= Beginning of Section =
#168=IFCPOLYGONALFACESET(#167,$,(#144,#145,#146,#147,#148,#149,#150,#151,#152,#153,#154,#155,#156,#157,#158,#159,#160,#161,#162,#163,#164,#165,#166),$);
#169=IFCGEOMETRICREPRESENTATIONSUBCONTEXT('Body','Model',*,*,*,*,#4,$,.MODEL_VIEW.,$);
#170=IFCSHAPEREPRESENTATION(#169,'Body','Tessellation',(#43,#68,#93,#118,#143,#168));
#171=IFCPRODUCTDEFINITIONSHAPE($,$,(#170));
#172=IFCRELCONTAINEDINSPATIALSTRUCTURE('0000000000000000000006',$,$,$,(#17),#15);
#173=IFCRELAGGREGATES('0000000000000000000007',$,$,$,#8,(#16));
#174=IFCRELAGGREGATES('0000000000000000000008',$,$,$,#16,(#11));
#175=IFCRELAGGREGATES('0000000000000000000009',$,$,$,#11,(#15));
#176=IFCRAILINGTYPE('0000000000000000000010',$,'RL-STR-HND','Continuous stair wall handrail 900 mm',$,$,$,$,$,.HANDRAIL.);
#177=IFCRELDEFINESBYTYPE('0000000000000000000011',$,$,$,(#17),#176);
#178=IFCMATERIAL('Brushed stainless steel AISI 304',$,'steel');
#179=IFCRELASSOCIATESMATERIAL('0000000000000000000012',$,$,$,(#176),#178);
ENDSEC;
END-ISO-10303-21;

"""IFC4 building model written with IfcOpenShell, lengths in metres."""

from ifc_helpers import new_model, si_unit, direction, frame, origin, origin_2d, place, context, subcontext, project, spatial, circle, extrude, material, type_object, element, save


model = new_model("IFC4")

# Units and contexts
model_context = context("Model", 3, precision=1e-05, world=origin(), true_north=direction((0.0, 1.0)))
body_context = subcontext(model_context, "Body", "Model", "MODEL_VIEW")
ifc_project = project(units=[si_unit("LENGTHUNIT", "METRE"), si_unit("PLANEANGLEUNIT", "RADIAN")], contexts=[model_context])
= End of Section =
= Beginning of Section =
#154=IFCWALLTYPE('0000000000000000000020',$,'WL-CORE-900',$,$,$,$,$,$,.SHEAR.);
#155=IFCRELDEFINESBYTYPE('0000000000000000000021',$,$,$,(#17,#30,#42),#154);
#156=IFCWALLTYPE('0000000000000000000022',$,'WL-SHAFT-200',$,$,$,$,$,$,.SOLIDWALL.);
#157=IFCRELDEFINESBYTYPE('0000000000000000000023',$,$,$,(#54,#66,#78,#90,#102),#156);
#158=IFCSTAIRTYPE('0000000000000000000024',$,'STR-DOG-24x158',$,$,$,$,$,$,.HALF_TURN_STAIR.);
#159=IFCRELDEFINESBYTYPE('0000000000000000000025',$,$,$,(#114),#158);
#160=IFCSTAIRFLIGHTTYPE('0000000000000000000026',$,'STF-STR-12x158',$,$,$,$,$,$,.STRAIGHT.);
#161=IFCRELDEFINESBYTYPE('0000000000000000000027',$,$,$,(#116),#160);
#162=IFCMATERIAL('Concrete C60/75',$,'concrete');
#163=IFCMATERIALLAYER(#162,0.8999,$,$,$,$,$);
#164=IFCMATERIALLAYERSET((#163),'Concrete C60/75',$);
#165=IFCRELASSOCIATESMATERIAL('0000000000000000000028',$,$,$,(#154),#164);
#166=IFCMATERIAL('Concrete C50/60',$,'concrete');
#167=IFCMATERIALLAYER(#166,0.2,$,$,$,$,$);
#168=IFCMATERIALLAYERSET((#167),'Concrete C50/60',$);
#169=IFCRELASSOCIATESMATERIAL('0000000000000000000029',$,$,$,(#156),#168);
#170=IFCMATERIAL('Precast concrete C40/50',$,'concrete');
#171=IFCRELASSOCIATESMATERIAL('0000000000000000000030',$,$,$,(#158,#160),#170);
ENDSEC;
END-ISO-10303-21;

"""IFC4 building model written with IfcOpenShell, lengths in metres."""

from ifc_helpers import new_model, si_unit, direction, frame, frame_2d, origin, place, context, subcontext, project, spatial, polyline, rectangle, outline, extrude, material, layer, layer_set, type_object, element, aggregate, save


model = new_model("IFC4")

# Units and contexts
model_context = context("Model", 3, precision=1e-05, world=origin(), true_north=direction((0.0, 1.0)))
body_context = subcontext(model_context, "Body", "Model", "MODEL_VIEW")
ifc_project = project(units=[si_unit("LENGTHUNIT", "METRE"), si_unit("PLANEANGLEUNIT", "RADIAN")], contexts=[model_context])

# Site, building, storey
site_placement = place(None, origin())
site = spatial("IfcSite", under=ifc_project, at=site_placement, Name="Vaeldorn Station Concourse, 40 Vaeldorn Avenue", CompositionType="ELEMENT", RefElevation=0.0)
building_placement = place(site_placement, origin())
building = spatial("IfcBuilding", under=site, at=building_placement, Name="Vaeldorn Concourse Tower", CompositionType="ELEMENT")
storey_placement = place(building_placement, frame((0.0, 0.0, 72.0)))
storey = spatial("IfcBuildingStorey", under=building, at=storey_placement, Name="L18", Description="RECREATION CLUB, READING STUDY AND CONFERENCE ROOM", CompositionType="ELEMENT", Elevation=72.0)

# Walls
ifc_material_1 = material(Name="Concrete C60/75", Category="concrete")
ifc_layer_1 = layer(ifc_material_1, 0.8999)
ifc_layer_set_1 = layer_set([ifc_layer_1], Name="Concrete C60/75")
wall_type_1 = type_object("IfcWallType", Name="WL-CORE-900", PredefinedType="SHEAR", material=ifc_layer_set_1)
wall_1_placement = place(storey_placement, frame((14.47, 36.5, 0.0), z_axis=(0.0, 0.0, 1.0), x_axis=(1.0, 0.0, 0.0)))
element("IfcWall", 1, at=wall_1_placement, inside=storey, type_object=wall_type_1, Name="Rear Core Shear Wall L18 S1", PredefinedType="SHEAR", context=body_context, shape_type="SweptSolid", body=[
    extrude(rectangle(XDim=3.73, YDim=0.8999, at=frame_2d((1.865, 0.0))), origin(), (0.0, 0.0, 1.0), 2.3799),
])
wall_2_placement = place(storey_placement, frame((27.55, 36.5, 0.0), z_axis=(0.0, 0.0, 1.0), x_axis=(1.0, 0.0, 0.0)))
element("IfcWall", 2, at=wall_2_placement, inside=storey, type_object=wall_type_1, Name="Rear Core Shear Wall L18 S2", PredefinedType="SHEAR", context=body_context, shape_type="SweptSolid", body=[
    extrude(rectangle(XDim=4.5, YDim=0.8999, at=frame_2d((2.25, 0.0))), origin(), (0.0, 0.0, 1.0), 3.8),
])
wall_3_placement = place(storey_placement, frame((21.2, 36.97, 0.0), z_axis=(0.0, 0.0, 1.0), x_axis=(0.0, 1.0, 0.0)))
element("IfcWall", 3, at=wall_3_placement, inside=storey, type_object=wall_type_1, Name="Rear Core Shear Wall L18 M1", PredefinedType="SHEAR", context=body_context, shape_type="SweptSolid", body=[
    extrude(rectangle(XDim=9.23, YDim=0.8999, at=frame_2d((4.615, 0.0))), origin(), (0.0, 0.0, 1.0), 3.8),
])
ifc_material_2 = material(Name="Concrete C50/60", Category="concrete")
= End of Section =
Tally the lines of the material that hold the word "SweptSolid", and state only that tally.

3